### [REQUIRED WORK]
Go through the entries below and print, exactly, the lines starting at the one with "#66=IFCINDEXEDPOLYGONALFACE((4,16,24,12));" and ending at the one with "#94=IFCINDEXEDPOLYGONALFACE((1,5,6,2));", keeping both ends and no others.

### [DATA FOR THIS TASK]

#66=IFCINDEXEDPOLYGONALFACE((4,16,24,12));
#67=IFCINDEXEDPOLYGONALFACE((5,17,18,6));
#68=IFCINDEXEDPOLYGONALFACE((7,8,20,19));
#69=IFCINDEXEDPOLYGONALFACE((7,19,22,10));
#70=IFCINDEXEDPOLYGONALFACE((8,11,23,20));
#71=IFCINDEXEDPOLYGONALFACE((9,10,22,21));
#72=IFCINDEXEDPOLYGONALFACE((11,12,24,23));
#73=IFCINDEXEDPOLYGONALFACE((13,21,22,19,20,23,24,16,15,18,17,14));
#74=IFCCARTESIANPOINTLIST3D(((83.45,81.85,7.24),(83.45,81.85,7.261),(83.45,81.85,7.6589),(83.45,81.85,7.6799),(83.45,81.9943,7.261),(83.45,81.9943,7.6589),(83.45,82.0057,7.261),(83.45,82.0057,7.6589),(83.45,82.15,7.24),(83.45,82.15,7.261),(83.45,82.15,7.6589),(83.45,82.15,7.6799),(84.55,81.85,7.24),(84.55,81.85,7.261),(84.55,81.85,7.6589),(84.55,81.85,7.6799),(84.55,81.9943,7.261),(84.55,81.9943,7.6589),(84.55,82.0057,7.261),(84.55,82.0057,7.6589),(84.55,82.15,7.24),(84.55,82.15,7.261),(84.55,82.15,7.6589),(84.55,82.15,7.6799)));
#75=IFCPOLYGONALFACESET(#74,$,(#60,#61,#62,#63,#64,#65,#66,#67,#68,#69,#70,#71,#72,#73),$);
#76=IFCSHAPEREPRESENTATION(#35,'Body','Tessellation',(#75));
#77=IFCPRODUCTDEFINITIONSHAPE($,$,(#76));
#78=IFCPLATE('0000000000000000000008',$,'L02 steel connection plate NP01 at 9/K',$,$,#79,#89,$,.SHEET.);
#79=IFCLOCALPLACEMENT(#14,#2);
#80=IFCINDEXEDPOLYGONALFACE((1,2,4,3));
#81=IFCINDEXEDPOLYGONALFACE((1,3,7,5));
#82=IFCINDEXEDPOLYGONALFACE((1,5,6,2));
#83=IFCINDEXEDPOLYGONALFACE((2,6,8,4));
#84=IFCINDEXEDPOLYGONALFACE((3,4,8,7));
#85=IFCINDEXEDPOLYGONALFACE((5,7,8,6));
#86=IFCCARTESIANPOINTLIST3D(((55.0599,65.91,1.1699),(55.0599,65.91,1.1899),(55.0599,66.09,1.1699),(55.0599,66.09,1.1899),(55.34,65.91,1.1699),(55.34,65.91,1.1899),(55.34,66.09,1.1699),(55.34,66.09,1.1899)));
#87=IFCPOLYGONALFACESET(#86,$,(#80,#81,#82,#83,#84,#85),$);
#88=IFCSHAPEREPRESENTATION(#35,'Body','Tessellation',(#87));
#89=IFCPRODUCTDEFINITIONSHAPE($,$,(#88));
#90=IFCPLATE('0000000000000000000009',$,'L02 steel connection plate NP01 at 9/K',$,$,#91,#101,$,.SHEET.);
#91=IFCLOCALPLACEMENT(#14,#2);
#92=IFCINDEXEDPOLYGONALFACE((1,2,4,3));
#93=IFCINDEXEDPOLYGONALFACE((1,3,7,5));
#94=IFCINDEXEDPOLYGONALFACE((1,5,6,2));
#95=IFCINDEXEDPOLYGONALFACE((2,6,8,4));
==
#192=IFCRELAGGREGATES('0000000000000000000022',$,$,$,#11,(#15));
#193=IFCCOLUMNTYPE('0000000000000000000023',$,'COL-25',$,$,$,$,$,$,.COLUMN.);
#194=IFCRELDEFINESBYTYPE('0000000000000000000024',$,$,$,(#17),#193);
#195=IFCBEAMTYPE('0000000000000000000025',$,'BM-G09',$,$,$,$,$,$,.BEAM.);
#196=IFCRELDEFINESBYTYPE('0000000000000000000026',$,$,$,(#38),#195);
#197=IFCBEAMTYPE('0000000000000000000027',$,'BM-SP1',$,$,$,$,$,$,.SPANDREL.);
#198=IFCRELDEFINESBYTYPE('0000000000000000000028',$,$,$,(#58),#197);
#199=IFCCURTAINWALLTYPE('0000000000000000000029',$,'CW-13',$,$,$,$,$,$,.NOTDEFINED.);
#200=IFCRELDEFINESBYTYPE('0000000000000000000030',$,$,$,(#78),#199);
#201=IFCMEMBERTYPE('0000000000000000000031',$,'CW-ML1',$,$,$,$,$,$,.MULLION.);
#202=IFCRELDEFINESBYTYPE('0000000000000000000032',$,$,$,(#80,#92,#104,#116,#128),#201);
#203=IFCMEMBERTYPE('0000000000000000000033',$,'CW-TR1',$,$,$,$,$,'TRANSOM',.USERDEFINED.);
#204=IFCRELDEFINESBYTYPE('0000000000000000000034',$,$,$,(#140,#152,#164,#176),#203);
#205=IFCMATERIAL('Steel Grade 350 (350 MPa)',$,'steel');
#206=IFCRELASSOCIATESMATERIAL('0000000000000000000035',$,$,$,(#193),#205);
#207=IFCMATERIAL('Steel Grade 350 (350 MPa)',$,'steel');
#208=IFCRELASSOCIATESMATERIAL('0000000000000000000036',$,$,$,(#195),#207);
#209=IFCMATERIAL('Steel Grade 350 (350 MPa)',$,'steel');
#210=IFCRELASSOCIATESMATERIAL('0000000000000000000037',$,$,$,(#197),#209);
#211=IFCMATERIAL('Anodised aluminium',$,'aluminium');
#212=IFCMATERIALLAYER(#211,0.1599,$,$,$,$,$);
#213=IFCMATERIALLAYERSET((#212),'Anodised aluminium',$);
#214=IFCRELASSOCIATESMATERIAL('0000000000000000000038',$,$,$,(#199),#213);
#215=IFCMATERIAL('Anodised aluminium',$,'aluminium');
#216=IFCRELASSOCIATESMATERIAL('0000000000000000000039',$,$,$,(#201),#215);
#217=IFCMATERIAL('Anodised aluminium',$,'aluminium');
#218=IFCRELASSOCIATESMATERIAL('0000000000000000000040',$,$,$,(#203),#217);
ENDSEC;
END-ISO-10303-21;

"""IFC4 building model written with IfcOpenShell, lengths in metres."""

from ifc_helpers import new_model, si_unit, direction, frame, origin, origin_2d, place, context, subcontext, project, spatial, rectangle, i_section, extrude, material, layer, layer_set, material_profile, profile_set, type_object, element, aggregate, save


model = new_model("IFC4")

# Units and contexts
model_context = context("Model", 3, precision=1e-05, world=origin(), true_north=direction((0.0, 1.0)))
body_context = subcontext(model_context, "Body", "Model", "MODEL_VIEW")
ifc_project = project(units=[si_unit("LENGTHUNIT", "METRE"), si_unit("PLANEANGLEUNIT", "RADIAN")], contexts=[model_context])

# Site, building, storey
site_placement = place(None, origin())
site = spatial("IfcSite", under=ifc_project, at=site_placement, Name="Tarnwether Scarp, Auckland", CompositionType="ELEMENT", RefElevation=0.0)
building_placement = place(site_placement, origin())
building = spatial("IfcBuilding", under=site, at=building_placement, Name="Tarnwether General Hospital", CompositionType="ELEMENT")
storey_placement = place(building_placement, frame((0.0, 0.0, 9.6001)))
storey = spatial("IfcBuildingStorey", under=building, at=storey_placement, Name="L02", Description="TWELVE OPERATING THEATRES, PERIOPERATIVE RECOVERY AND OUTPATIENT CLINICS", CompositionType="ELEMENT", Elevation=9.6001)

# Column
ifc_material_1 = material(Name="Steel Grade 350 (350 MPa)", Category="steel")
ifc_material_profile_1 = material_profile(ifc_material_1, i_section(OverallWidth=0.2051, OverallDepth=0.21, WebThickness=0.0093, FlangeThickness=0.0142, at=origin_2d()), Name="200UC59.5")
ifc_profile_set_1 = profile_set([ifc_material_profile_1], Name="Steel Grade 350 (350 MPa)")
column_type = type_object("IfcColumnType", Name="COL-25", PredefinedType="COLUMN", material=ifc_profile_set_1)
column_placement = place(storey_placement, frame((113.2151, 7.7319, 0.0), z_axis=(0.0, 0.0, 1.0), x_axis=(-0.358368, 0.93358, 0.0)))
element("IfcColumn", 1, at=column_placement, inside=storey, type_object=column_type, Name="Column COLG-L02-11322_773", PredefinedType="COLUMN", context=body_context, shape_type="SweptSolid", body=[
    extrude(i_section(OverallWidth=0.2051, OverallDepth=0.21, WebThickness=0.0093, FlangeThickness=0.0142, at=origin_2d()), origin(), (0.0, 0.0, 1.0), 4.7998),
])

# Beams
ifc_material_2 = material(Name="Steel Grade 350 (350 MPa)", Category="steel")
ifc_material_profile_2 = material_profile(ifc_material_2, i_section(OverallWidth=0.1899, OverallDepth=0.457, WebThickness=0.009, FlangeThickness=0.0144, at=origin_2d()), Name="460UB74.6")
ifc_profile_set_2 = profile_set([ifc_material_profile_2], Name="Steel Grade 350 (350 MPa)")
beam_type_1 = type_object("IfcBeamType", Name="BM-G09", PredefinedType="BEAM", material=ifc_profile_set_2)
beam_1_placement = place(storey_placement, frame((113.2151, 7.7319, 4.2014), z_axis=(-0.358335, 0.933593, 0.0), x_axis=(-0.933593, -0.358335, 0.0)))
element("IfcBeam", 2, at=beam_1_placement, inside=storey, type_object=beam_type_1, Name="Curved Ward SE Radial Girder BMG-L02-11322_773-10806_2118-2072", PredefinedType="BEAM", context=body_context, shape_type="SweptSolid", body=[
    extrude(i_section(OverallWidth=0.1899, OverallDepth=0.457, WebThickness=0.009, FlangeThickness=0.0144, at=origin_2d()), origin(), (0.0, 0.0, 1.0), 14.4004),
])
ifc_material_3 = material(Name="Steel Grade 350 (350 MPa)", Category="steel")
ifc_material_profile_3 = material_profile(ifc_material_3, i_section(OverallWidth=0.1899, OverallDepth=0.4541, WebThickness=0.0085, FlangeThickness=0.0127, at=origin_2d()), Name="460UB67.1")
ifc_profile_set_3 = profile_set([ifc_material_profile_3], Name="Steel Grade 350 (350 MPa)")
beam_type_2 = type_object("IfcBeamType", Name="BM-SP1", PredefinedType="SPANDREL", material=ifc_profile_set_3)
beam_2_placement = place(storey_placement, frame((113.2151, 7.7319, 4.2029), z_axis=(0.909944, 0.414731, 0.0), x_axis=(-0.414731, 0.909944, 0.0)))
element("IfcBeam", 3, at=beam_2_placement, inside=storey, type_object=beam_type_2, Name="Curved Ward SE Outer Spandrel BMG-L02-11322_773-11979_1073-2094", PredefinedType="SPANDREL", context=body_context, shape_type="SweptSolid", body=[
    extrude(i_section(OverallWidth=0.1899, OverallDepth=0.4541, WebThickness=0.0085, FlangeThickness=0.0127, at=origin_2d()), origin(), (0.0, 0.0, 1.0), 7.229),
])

### [ANSWER SECTION]
#66=IFCINDEXEDPOLYGONALFACE((4,16,24,12));
#67=IFCINDEXEDPOLYGONALFACE((5,17,18,6));
#68=IFCINDEXEDPOLYGONALFACE((7,8,20,19));
#69=IFCINDEXEDPOLYGONALFACE((7,19,22,10));
#70=IFCINDEXEDPOLYGONALFACE((8,11,23,20));
#71=IFCINDEXEDPOLYGONALFACE((9,10,22,21));
#72=IFCINDEXEDPOLYGONALFACE((11,12,24,23));
#73=IFCINDEXEDPOLYGONALFACE((13,21,22,19,20,23,24,16,15,18,17,14));
#74=IFCCARTESIANPOINTLIST3D(((83.45,81.85,7.24),(83.45,81.85,7.261),(83.45,81.85,7.6589),(83.45,81.85,7.6799),(83.45,81.9943,7.261),(83.45,81.9943,7.6589),(83.45,82.0057,7.261),(83.45,82.0057,7.6589),(83.45,82.15,7.24),(83.45,82.15,7.261),(83.45,82.15,7.6589),(83.45,82.15,7.6799),(84.55,81.85,7.24),(84.55,81.85,7.261),(84.55,81.85,7.6589),(84.55,81.85,7.6799),(84.55,81.9943,7.261),(84.55,81.9943,7.6589),(84.55,82.0057,7.261),(84.55,82.0057,7.6589),(84.55,82.15,7.24),(84.55,82.15,7.261),(84.55,82.15,7.6589),(84.55,82.15,7.6799)));
#75=IFCPOLYGONALFACESET(#74,$,(#60,#61,#62,#63,#64,#65,#66,#67,#68,#69,#70,#71,#72,#73),$);
#76=IFCSHAPEREPRESENTATION(#35,'Body','Tessellation',(#75));
#77=IFCPRODUCTDEFINITIONSHAPE($,$,(#76));
#78=IFCPLATE('0000000000000000000008',$,'L02 steel connection plate NP01 at 9/K',$,$,#79,#89,$,.SHEET.);
#79=IFCLOCALPLACEMENT(#14,#2);
#80=IFCINDEXEDPOLYGONALFACE((1,2,4,3));
#81=IFCINDEXEDPOLYGONALFACE((1,3,7,5));
#82=IFCINDEXEDPOLYGONALFACE((1,5,6,2));
#83=IFCINDEXEDPOLYGONALFACE((2,6,8,4));
#84=IFCINDEXEDPOLYGONALFACE((3,4,8,7));
#85=IFCINDEXEDPOLYGONALFACE((5,7,8,6));
#86=IFCCARTESIANPOINTLIST3D(((55.0599,65.91,1.1699),(55.0599,65.91,1.1899),(55.0599,66.09,1.1699),(55.0599,66.09,1.1899),(55.34,65.91,1.1699),(55.34,65.91,1.1899),(55.34,66.09,1.1699),(55.34,66.09,1.1899)));
#87=IFCPOLYGONALFACESET(#86,$,(#80,#81,#82,#83,#84,#85),$);
#88=IFCSHAPEREPRESENTATION(#35,'Body','Tessellation',(#87));
#89=IFCPRODUCTDEFINITIONSHAPE($,$,(#88));
#90=IFCPLATE('0000000000000000000009',$,'L02 steel connection plate NP01 at 9/K',$,$,#91,#101,$,.SHEET.);
#91=IFCLOCALPLACEMENT(#14,#2);
#92=IFCINDEXEDPOLYGONALFACE((1,2,4,3));
#93=IFCINDEXEDPOLYGONALFACE((1,3,7,5));
#94=IFCINDEXEDPOLYGONALFACE((1,5,6,2));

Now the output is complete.